* What you should do: Among the entries below, one line contains "#105=IFCMATERIALLAYERSET((#104),'Stainless Steel AISI" and another contains "END-ISO-10303-21;". Transcribe those two lines and every line between them, exactly.

--------------------------------

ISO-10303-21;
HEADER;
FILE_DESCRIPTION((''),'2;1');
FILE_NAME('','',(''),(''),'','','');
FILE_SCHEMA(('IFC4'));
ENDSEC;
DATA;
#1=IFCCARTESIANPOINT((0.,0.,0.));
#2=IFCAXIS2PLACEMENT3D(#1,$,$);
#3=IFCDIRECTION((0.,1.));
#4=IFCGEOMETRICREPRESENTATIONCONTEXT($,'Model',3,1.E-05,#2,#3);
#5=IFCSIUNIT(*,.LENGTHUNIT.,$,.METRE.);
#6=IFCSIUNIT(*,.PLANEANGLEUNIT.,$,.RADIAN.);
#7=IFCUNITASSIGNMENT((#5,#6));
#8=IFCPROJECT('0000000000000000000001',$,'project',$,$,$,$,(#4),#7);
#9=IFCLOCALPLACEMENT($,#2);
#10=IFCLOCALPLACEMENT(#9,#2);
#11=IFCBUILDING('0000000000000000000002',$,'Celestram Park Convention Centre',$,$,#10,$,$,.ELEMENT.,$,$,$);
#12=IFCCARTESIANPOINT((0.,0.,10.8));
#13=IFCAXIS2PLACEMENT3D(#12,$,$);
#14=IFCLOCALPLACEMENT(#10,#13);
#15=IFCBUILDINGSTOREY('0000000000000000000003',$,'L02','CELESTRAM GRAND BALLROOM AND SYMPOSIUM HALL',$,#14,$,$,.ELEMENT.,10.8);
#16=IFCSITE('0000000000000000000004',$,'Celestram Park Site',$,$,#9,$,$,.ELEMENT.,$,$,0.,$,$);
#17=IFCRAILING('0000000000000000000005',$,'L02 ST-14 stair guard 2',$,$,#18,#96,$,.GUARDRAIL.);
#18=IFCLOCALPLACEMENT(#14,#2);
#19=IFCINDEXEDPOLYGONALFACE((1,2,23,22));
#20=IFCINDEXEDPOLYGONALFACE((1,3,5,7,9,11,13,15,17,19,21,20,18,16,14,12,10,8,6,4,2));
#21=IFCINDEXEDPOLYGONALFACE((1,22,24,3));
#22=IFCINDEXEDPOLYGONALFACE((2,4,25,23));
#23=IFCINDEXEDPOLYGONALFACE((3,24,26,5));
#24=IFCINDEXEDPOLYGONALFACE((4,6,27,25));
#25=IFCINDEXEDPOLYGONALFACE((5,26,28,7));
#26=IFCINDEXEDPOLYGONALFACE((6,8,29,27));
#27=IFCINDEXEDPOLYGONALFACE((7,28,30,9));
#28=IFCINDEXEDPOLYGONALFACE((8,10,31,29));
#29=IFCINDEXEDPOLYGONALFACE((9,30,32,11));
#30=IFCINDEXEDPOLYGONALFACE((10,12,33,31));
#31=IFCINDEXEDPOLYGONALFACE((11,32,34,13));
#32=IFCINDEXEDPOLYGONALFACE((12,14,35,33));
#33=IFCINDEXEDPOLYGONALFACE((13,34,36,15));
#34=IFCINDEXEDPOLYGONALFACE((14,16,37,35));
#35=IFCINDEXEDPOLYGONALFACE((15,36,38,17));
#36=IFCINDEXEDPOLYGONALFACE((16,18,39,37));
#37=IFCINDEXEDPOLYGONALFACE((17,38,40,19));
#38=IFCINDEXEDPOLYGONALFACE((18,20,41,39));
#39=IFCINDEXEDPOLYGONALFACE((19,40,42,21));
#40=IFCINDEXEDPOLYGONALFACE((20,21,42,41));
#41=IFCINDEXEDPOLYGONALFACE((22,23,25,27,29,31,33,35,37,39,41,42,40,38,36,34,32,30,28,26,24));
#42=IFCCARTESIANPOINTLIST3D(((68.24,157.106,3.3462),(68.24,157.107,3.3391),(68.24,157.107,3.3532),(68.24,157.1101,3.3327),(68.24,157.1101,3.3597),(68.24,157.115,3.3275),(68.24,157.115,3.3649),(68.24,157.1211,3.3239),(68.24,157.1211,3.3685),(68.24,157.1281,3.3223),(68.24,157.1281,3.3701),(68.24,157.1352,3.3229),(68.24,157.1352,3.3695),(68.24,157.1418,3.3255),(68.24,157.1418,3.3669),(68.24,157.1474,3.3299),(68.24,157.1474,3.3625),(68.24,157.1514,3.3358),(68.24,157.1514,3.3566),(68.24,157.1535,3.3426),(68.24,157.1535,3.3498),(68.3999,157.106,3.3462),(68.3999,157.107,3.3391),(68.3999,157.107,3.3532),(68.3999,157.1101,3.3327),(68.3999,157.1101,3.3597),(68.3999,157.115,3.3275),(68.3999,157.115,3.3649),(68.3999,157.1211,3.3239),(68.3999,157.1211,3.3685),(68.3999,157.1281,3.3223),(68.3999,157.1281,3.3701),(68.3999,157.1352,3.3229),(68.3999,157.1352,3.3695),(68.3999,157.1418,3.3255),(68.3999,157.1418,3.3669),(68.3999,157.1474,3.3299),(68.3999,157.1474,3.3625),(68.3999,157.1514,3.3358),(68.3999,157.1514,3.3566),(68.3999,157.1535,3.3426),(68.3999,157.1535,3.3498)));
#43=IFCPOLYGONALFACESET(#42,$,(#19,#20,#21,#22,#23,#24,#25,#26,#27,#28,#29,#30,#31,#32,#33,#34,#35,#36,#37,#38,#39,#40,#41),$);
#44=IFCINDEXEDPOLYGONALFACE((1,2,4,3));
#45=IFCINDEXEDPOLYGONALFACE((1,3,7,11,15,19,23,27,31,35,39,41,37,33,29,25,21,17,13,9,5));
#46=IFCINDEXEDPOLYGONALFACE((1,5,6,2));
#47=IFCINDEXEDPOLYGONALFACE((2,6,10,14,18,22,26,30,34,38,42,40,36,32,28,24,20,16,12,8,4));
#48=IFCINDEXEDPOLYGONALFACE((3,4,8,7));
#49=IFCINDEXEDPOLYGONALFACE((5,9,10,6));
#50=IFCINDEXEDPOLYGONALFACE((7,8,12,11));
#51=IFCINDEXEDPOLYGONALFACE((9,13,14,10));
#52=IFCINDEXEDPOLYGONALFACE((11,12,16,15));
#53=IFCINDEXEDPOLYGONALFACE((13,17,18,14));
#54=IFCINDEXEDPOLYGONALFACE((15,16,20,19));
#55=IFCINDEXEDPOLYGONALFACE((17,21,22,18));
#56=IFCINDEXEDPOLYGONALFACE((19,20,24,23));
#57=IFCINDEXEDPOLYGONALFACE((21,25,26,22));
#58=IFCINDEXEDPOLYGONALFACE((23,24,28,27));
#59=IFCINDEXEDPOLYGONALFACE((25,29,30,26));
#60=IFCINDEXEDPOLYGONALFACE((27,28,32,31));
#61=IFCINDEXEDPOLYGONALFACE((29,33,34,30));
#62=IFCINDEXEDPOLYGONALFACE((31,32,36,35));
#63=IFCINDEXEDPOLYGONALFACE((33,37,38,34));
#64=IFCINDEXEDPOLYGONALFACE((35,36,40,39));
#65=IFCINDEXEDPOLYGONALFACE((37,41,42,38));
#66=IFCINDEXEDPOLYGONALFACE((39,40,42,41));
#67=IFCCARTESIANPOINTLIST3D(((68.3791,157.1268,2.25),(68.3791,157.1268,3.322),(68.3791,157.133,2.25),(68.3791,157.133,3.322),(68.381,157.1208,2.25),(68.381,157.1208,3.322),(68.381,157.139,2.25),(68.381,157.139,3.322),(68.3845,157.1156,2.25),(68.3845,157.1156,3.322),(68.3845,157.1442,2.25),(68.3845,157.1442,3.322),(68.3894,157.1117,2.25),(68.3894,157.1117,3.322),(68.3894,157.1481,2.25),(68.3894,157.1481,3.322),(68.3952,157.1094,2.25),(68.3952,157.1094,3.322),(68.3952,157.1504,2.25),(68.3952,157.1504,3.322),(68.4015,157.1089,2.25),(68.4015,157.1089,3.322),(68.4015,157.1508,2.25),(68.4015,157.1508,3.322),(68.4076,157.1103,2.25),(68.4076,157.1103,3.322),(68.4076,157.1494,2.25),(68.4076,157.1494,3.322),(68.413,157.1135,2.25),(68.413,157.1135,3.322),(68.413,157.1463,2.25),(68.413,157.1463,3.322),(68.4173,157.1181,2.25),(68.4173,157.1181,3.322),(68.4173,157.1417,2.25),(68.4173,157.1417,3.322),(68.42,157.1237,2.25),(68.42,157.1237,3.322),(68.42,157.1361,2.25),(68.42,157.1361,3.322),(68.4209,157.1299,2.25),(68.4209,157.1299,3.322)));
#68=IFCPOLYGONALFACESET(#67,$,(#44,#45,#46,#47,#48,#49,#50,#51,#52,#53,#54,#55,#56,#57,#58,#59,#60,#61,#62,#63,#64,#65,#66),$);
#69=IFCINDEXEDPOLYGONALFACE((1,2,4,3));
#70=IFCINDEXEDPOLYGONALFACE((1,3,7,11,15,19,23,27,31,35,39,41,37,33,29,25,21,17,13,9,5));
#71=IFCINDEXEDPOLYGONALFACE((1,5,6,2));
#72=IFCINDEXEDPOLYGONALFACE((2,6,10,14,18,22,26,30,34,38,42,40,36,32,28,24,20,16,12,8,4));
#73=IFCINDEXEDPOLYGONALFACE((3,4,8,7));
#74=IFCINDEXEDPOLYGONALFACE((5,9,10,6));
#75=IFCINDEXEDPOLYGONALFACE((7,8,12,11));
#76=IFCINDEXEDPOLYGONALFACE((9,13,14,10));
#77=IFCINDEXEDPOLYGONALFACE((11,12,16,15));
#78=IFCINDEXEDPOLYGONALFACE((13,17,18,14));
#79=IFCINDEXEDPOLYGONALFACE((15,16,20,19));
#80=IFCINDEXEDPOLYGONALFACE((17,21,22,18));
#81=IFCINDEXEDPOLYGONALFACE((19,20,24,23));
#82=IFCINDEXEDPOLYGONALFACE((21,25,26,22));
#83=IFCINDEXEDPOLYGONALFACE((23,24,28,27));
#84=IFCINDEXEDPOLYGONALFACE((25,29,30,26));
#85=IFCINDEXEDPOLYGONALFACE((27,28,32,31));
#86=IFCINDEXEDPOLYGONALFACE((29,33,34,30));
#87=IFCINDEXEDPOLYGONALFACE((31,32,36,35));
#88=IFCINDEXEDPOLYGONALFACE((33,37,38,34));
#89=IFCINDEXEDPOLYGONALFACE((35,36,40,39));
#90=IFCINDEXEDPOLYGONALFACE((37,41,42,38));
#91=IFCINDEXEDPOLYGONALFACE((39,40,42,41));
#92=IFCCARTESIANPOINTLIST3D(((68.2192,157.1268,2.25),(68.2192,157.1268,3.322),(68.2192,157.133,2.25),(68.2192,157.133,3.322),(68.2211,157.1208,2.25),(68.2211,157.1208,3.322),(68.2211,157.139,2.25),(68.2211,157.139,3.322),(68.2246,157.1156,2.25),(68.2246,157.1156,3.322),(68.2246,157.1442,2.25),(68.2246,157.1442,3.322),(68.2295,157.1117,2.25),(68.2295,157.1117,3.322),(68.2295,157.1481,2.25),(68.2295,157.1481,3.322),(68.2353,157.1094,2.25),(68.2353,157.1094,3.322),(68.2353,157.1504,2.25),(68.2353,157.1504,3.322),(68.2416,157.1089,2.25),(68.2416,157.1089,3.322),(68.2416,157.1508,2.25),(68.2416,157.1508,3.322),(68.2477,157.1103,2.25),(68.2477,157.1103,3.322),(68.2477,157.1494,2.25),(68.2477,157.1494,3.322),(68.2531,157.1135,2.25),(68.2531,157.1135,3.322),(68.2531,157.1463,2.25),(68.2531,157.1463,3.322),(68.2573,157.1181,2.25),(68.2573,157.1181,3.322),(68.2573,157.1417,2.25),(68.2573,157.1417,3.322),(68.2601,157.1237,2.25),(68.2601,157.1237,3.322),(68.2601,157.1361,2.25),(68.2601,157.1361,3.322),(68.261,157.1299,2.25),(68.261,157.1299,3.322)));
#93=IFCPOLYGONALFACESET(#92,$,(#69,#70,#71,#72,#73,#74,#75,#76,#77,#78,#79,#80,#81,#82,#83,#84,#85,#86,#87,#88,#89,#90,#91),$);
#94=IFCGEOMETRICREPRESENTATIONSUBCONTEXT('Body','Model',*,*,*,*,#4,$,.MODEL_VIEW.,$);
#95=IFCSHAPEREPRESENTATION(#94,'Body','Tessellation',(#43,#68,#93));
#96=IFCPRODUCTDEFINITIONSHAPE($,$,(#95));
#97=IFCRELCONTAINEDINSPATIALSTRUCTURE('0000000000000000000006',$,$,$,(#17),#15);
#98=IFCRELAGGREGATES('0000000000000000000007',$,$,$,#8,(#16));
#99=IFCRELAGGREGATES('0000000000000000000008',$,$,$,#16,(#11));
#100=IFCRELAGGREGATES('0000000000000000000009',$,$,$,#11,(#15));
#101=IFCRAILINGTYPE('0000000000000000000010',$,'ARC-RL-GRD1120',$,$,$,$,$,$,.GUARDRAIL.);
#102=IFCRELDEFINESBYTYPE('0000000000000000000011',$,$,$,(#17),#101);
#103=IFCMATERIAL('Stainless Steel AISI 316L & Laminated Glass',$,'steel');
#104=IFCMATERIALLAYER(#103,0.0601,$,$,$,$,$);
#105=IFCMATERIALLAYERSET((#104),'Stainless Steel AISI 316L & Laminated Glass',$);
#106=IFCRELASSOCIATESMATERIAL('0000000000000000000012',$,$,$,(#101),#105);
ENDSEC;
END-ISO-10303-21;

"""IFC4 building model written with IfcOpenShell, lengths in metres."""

from ifc_helpers import new_model, si_unit, direction, frame, origin, origin_2d, place, context, subcontext, project, spatial, circle, extrude, material, layer, layer_set, type_object, element, save


model = new_model("IFC4")

# Units and contexts
model_context = context("Model", 3, precision=1e-05, world=origin(), true_north=direction((0.0, 1.0)))
body_context = subcontext(model_context, "Body", "Model", "MODEL_VIEW")
ifc_project = project(units=[si_unit("LENGTHUNIT", "METRE"), si_unit("PLANEANGLEUNIT", "RADIAN")], contexts=[model_context])

# Site, building, storey
site_placement = place(None, origin())
site = spatial("IfcSite", under=ifc_project, at=site_placement, Name="Celestram Park Site", CompositionType="ELEMENT", RefElevation=0.0)
building_placement = place(site_placement, origin())
building = spatial("IfcBuilding", under=site, at=building_placement, Name="Celestram Park Convention Centre", CompositionType="ELEMENT")
storey_placement = place(building_placement, frame((0.0, 0.0, 10.8)))
storey = spatial("IfcBuildingStorey", under=building, at=storey_placement, Name="L02", Description="CELESTRAM GRAND BALLROOM AND SYMPOSIUM HALL", CompositionType="ELEMENT", Elevation=10.8)

# Railing
ifc_material_1 = material(Name="Stainless Steel AISI 316L & Laminated Glass", Category="steel")
ifc_layer_1 = layer(ifc_material_1, 0.0601)
ifc_layer_set_1 = layer_set([ifc_layer_1], Name="Stainless Steel AISI 316L & Laminated Glass")
railing_type_1 = type_object("IfcRailingType", Name="ARC-RL-GRD1120", PredefinedType="GUARDRAIL", material=ifc_layer_set_1)
railing_1_placement = place(storey_placement, frame((68.3999, 157.1299, 2.25)))
element("IfcRailing", 1, at=railing_1_placement, inside=storey, type_object=railing_type_1, Name="L02 ST-14 stair guard 2", PredefinedType="GUARDRAIL", context=body_context, shape_type="SweptSolid", body=[
    extrude(circle(Radius=0.0239, at=origin_2d()), frame((0.0, 0.0, 1.0962), z_axis=(-1.0, 0.0, 0.0), x_axis=(0.0, -1.0, 0.0)), (0.0, 0.0, 1.0), 0.1599),
    extrude(circle(Radius=0.021, at=origin_2d()), origin(), (0.0, 0.0, 1.0), 1.072),
    extrude(circle(Radius=0.021, at=origin_2d()), frame((-0.1599, 0.0, 0.0)), (0.0, 0.0, 1.0), 1.072),
])

save(model, "model.ifc")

--------------------------------

* Response:
#105=IFCMATERIALLAYERSET((#104),'Stainless Steel AISI 316L & Laminated Glass',$);
#106=IFCRELASSOCIATESMATERIAL('0000000000000000000012',$,$,$,(#101),#105);
ENDSEC;
END-ISO-10303-21;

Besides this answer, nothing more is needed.